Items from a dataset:
'''
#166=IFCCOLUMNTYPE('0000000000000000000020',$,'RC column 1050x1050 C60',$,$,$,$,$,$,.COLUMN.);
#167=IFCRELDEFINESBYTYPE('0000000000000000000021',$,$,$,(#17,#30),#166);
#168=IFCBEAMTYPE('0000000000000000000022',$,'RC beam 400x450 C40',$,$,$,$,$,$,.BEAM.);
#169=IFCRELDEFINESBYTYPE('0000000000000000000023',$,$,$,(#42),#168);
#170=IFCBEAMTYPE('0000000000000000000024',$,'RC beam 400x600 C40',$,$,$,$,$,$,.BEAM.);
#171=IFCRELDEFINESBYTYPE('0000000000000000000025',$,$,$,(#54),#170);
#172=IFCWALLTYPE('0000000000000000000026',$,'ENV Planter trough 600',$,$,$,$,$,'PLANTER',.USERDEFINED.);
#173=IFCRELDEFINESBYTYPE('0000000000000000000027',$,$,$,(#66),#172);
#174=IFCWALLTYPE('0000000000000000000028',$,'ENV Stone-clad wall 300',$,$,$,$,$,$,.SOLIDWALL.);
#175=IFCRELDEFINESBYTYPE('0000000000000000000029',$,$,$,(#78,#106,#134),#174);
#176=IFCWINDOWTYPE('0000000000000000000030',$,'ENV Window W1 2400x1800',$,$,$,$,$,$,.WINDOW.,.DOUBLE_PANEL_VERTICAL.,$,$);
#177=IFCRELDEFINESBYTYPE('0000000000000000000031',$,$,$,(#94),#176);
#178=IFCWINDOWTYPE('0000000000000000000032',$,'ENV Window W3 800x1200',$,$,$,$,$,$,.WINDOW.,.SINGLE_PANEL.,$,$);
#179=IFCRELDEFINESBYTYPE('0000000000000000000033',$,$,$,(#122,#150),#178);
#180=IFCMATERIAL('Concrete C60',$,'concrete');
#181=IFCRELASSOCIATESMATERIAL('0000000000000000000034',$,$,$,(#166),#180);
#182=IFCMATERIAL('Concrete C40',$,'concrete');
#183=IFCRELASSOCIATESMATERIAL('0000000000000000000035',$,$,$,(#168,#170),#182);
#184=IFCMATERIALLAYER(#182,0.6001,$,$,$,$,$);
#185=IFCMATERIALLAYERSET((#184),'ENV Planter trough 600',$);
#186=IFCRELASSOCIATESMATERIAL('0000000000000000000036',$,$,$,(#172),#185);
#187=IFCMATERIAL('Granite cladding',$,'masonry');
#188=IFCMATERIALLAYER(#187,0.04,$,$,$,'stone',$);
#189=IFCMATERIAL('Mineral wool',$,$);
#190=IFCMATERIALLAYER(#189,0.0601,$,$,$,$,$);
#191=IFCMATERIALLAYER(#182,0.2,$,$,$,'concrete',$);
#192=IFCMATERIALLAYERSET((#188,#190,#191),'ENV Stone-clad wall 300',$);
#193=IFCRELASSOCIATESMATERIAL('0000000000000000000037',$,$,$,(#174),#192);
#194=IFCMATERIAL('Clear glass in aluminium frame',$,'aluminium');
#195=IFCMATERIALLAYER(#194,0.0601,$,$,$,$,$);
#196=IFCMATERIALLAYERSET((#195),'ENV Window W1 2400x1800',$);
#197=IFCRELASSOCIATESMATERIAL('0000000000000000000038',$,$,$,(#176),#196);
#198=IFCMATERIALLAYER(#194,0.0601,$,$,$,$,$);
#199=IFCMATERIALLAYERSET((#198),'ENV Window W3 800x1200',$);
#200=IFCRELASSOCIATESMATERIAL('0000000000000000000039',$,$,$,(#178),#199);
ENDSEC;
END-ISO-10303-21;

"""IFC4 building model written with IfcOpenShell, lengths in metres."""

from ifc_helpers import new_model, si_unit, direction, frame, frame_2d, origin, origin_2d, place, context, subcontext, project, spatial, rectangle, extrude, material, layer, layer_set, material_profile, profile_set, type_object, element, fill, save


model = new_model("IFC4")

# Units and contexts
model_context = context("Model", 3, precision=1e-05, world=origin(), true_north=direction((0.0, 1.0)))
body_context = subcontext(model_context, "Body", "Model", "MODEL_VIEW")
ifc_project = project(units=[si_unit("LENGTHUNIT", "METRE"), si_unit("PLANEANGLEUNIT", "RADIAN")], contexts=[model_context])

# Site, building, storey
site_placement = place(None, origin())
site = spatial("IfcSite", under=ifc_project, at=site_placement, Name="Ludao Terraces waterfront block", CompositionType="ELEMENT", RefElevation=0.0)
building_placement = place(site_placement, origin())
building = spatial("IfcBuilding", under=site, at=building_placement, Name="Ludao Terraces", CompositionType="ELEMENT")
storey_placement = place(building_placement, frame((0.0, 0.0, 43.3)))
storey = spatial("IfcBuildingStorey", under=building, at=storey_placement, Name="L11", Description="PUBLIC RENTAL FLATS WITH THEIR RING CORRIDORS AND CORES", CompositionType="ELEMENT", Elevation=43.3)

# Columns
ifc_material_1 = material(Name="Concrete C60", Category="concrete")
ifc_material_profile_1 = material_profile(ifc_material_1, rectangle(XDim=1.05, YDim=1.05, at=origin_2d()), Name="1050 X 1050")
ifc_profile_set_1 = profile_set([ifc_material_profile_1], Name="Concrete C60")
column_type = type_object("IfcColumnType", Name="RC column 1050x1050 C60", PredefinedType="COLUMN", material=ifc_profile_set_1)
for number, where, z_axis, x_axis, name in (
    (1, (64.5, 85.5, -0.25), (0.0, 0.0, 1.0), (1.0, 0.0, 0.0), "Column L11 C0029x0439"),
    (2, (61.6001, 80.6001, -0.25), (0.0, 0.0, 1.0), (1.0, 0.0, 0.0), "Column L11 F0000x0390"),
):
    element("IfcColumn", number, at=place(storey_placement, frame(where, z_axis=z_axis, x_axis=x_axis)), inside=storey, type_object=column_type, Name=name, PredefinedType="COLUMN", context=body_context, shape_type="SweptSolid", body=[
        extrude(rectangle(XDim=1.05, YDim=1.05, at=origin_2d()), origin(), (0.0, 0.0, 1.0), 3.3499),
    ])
'''
TRY IT => Output each record precisely as given.

YOUR RESPONSE =>
#166=IFCCOLUMNTYPE('0000000000000000000020',$,'RC column 1050x1050 C60',$,$,$,$,$,$,.COLUMN.);
#167=IFCRELDEFINESBYTYPE('0000000000000000000021',$,$,$,(#17,#30),#166);
#168=IFCBEAMTYPE('0000000000000000000022',$,'RC beam 400x450 C40',$,$,$,$,$,$,.BEAM.);
#169=IFCRELDEFINESBYTYPE('0000000000000000000023',$,$,$,(#42),#168);
#170=IFCBEAMTYPE('0000000000000000000024',$,'RC beam 400x600 C40',$,$,$,$,$,$,.BEAM.);
#171=IFCRELDEFINESBYTYPE('0000000000000000000025',$,$,$,(#54),#170);
#172=IFCWALLTYPE('0000000000000000000026',$,'ENV Planter trough 600',$,$,$,$,$,'PLANTER',.USERDEFINED.);
#173=IFCRELDEFINESBYTYPE('0000000000000000000027',$,$,$,(#66),#172);
#174=IFCWALLTYPE('0000000000000000000028',$,'ENV Stone-clad wall 300',$,$,$,$,$,$,.SOLIDWALL.);
#175=IFCRELDEFINESBYTYPE('0000000000000000000029',$,$,$,(#78,#106,#134),#174);
#176=IFCWINDOWTYPE('0000000000000000000030',$,'ENV Window W1 2400x1800',$,$,$,$,$,$,.WINDOW.,.DOUBLE_PANEL_VERTICAL.,$,$);
#177=IFCRELDEFINESBYTYPE('0000000000000000000031',$,$,$,(#94),#176);
#178=IFCWINDOWTYPE('0000000000000000000032',$,'ENV Window W3 800x1200',$,$,$,$,$,$,.WINDOW.,.SINGLE_PANEL.,$,$);
#179=IFCRELDEFINESBYTYPE('0000000000000000000033',$,$,$,(#122,#150),#178);
#180=IFCMATERIAL('Concrete C60',$,'concrete');
#181=IFCRELASSOCIATESMATERIAL('0000000000000000000034',$,$,$,(#166),#180);
#182=IFCMATERIAL('Concrete C40',$,'concrete');
#183=IFCRELASSOCIATESMATERIAL('0000000000000000000035',$,$,$,(#168,#170),#182);
#184=IFCMATERIALLAYER(#182,0.6001,$,$,$,$,$);
#185=IFCMATERIALLAYERSET((#184),'ENV Planter trough 600',$);
#186=IFCRELASSOCIATESMATERIAL('0000000000000000000036',$,$,$,(#172),#185);
#187=IFCMATERIAL('Granite cladding',$,'masonry');
#188=IFCMATERIALLAYER(#187,0.04,$,$,$,'stone',$);
#189=IFCMATERIAL('Mineral wool',$,$);
#190=IFCMATERIALLAYER(#189,0.0601,$,$,$,$,$);
#191=IFCMATERIALLAYER(#182,0.2,$,$,$,'concrete',$);
#192=IFCMATERIALLAYERSET((#188,#190,#191),'ENV Stone-clad wall 300',$);
#193=IFCRELASSOCIATESMATERIAL('0000000000000000000037',$,$,$,(#174),#192);
#194=IFCMATERIAL('Clear glass in aluminium frame',$,'aluminium');
#195=IFCMATERIALLAYER(#194,0.0601,$,$,$,$,$);
#196=IFCMATERIALLAYERSET((#195),'ENV Window W1 2400x1800',$);
#197=IFCRELASSOCIATESMATERIAL('0000000000000000000038',$,$,$,(#176),#196);
#198=IFCMATERIALLAYER(#194,0.0601,$,$,$,$,$);
#199=IFCMATERIALLAYERSET((#198),'ENV Window W3 800x1200',$);
#200=IFCRELASSOCIATESMATERIAL('0000000000000000000039',$,$,$,(#178),#199);
ENDSEC;
END-ISO-10303-21;

"""IFC4 building model written with IfcOpenShell, lengths in metres."""

from ifc_helpers import new_model, si_unit, direction, frame, frame_2d, origin, origin_2d, place, context, subcontext, project, spatial, rectangle, extrude, material, layer, layer_set, material_profile, profile_set, type_object, element, fill, save


model = new_model("IFC4")

# Units and contexts
model_context = context("Model", 3, precision=1e-05, world=origin(), true_north=direction((0.0, 1.0)))
body_context = subcontext(model_context, "Body", "Model", "MODEL_VIEW")
ifc_project = project(units=[si_unit("LENGTHUNIT", "METRE"), si_unit("PLANEANGLEUNIT", "RADIAN")], contexts=[model_context])

# Site, building, storey
site_placement = place(None, origin())
site = spatial("IfcSite", under=ifc_project, at=site_placement, Name="Ludao Terraces waterfront block", CompositionType="ELEMENT", RefElevation=0.0)
building_placement = place(site_placement, origin())
building = spatial("IfcBuilding", under=site, at=building_placement, Name="Ludao Terraces", CompositionType="ELEMENT")
storey_placement = place(building_placement, frame((0.0, 0.0, 43.3)))
storey = spatial("IfcBuildingStorey", under=building, at=storey_placement, Name="L11", Description="PUBLIC RENTAL FLATS WITH THEIR RING CORRIDORS AND CORES", CompositionType="ELEMENT", Elevation=43.3)

# Columns
ifc_material_1 = material(Name="Concrete C60", Category="concrete")
ifc_material_profile_1 = material_profile(ifc_material_1, rectangle(XDim=1.05, YDim=1.05, at=origin_2d()), Name="1050 X 1050")
ifc_profile_set_1 = profile_set([ifc_material_profile_1], Name="Concrete C60")
column_type = type_object("IfcColumnType", Name="RC column 1050x1050 C60", PredefinedType="COLUMN", material=ifc_profile_set_1)
for number, where, z_axis, x_axis, name in (
    (1, (64.5, 85.5, -0.25), (0.0, 0.0, 1.0), (1.0, 0.0, 0.0), "Column L11 C0029x0439"),
    (2, (61.6001, 80.6001, -0.25), (0.0, 0.0, 1.0), (1.0, 0.0, 0.0), "Column L11 F0000x0390"),
):
    element("IfcColumn", number, at=place(storey_placement, frame(where, z_axis=z_axis, x_axis=x_axis)), inside=storey, type_object=column_type, Name=name, PredefinedType="COLUMN", context=body_context, shape_type="SweptSolid", body=[
        extrude(rectangle(XDim=1.05, YDim=1.05, at=origin_2d()), origin(), (0.0, 0.0, 1.0), 3.3499),
    ])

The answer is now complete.